● **Task requirements**: Start at the line in the entries below that contains "#197=IFCRELAGGREGATES('0000000000000000000010',$,$,$,#11,(#15));", stop at the line that contains "site_placement = place(None, origin())", and output exactly the lines in that span, both ends included.

● **Saved data entries**:
· · ·
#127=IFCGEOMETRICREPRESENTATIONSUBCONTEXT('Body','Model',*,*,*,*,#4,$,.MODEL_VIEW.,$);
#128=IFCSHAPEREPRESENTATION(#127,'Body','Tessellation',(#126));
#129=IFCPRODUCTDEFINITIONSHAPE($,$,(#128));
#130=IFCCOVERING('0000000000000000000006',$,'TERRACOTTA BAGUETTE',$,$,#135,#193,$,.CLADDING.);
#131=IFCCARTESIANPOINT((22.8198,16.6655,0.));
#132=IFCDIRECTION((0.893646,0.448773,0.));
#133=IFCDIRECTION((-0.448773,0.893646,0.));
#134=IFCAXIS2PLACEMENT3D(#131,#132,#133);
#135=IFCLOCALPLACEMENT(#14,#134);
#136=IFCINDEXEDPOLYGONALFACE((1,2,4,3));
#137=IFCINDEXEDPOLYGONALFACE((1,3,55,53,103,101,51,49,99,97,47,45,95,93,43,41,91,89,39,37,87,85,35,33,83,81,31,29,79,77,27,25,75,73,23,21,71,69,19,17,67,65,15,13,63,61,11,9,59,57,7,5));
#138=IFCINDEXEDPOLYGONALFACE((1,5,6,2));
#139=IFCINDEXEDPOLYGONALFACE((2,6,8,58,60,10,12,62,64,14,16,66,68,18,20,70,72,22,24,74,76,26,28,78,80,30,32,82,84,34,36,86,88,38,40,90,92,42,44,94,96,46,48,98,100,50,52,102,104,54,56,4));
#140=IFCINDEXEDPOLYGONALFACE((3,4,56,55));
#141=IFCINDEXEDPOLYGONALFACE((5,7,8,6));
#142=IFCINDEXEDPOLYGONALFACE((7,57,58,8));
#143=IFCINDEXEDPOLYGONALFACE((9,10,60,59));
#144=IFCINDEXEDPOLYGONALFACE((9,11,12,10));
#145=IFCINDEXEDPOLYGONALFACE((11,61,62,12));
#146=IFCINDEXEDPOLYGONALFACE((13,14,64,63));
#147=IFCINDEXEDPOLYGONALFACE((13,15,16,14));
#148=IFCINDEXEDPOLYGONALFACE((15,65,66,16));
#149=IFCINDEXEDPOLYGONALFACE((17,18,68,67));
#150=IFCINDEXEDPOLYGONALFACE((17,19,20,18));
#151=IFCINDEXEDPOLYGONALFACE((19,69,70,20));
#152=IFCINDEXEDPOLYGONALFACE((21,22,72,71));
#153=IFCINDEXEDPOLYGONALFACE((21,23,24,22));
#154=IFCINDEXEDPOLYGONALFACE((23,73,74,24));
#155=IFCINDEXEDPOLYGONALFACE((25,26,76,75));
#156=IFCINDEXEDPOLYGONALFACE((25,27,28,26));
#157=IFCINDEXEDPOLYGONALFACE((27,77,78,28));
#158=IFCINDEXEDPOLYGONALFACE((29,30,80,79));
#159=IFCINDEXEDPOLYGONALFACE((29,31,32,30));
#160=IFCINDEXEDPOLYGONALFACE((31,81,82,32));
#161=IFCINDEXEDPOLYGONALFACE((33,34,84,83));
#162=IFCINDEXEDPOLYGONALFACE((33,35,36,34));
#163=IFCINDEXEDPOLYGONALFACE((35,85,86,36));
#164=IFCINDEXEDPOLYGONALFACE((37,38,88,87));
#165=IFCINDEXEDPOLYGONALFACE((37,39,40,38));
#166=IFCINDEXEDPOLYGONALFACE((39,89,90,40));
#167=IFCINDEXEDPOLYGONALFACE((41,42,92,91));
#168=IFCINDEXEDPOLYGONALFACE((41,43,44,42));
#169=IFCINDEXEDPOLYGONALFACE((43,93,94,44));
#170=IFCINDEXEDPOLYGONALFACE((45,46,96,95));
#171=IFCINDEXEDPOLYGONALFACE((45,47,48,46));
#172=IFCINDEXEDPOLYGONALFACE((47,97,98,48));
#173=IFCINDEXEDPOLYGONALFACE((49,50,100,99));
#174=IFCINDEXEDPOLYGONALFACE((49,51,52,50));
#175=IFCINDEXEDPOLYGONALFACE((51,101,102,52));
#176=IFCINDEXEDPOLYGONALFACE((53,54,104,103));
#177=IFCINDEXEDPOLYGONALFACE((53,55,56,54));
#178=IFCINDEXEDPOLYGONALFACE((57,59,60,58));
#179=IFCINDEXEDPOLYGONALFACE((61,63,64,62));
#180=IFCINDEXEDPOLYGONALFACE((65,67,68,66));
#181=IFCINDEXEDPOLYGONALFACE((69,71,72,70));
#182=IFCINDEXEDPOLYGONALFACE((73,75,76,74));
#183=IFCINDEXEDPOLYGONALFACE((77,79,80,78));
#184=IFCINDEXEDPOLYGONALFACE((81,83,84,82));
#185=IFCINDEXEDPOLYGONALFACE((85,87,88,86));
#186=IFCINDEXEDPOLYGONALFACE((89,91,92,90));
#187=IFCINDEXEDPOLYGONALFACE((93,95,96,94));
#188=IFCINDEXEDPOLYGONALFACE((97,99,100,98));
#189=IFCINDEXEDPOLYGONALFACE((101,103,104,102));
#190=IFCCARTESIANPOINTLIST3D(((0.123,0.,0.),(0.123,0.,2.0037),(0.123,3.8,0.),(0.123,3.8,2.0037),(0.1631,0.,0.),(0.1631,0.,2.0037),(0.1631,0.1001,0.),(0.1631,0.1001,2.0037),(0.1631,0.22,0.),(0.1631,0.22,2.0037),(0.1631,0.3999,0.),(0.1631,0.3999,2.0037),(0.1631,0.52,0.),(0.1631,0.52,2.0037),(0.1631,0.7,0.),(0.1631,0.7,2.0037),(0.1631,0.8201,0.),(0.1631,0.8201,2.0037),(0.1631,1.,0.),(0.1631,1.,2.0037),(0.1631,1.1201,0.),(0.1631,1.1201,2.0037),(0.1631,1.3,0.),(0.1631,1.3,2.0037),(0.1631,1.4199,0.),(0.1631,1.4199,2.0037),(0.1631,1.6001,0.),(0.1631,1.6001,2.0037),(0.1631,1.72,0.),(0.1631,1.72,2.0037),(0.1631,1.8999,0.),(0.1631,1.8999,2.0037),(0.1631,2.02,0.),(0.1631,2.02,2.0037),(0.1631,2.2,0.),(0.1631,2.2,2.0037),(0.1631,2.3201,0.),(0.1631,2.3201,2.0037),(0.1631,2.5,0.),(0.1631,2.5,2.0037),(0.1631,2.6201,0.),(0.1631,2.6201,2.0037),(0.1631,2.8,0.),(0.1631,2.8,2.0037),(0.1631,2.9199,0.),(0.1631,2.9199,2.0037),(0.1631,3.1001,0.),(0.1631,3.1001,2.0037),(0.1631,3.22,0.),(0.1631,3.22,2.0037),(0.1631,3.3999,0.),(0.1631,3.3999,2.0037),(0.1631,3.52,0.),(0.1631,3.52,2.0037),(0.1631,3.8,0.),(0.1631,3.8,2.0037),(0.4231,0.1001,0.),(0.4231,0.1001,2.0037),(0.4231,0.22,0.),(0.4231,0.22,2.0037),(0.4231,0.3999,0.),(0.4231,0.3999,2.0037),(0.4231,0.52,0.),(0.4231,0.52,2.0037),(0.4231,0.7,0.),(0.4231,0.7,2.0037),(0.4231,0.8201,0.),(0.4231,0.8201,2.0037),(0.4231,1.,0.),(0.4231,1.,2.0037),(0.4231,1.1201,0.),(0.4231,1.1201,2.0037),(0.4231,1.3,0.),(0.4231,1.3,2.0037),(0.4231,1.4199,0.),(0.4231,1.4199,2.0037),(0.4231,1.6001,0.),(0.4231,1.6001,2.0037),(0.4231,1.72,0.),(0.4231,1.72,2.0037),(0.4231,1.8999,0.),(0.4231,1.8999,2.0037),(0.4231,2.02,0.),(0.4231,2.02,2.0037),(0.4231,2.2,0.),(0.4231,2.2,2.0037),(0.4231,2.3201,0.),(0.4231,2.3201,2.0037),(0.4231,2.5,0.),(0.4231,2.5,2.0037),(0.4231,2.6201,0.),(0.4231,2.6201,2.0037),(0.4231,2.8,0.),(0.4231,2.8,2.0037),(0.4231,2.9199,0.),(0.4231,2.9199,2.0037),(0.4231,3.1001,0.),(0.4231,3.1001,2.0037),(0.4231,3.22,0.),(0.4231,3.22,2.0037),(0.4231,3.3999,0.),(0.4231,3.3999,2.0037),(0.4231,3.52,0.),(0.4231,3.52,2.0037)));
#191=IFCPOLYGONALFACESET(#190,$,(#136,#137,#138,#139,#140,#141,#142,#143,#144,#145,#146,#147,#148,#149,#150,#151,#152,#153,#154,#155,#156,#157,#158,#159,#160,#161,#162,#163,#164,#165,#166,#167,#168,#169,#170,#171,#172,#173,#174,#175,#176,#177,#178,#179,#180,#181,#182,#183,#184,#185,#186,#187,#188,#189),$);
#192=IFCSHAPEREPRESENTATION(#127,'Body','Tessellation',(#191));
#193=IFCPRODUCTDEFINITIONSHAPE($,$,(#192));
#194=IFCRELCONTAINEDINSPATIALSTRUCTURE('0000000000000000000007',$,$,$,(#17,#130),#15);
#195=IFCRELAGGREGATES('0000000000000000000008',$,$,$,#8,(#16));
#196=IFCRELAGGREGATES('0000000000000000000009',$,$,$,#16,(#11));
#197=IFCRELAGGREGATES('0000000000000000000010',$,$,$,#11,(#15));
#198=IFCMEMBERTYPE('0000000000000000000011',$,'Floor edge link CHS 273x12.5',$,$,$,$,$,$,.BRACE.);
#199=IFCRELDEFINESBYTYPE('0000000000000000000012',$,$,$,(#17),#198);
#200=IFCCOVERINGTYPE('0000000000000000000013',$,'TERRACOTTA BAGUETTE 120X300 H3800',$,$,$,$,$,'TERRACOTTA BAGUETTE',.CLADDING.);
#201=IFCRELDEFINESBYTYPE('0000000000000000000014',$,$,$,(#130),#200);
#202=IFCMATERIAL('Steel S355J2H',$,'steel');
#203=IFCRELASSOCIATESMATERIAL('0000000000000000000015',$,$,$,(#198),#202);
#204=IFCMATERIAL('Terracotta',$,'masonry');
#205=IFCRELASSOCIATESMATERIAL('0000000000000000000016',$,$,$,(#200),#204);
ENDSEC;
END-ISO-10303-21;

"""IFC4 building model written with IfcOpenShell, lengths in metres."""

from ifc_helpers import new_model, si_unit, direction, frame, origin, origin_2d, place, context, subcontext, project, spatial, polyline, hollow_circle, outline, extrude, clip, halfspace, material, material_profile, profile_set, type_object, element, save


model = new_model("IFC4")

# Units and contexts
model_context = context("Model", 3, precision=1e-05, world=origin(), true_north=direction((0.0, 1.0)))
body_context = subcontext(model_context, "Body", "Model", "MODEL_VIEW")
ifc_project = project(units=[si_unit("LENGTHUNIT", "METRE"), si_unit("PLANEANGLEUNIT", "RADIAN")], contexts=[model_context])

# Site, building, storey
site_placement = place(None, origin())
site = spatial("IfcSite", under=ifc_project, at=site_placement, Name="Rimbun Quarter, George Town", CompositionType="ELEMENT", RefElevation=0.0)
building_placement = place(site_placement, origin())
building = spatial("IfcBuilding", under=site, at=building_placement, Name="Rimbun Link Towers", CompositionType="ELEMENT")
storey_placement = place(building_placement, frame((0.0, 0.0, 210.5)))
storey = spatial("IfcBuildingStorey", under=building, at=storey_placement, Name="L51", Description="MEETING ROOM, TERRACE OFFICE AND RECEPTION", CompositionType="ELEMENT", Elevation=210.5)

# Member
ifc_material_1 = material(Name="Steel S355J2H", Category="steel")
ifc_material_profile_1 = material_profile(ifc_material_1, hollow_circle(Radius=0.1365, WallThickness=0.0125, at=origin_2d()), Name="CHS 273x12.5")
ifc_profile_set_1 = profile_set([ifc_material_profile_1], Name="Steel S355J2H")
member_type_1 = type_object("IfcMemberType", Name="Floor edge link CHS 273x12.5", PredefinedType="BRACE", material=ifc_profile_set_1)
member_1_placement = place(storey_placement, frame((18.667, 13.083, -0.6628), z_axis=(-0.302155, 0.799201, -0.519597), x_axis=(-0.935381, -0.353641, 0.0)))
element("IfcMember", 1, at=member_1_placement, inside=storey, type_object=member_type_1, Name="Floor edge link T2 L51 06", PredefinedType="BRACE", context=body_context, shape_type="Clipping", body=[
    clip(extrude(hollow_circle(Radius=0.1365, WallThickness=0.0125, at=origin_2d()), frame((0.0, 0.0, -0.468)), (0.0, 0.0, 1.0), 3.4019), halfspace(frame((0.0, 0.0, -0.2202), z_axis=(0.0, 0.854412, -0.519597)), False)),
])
· · ·
● **Solution to the exercise**:
#197=IFCRELAGGREGATES('0000000000000000000010',$,$,$,#11,(#15));
#198=IFCMEMBERTYPE('0000000000000000000011',$,'Floor edge link CHS 273x12.5',$,$,$,$,$,$,.BRACE.);
#199=IFCRELDEFINESBYTYPE('0000000000000000000012',$,$,$,(#17),#198);
#200=IFCCOVERINGTYPE('0000000000000000000013',$,'TERRACOTTA BAGUETTE 120X300 H3800',$,$,$,$,$,'TERRACOTTA BAGUETTE',.CLADDING.);
#201=IFCRELDEFINESBYTYPE('0000000000000000000014',$,$,$,(#130),#200);
#202=IFCMATERIAL('Steel S355J2H',$,'steel');
#203=IFCRELASSOCIATESMATERIAL('0000000000000000000015',$,$,$,(#198),#202);
#204=IFCMATERIAL('Terracotta',$,'masonry');
#205=IFCRELASSOCIATESMATERIAL('0000000000000000000016',$,$,$,(#200),#204);
ENDSEC;
END-ISO-10303-21;

"""IFC4 building model written with IfcOpenShell, lengths in metres."""

from ifc_helpers import new_model, si_unit, direction, frame, origin, origin_2d, place, context, subcontext, project, spatial, polyline, hollow_circle, outline, extrude, clip, halfspace, material, material_profile, profile_set, type_object, element, save


model = new_model("IFC4")

# Units and contexts
model_context = context("Model", 3, precision=1e-05, world=origin(), true_north=direction((0.0, 1.0)))
body_context = subcontext(model_context, "Body", "Model", "MODEL_VIEW")
ifc_project = project(units=[si_unit("LENGTHUNIT", "METRE"), si_unit("PLANEANGLEUNIT", "RADIAN")], contexts=[model_context])

# Site, building, storey
site_placement = place(None, origin())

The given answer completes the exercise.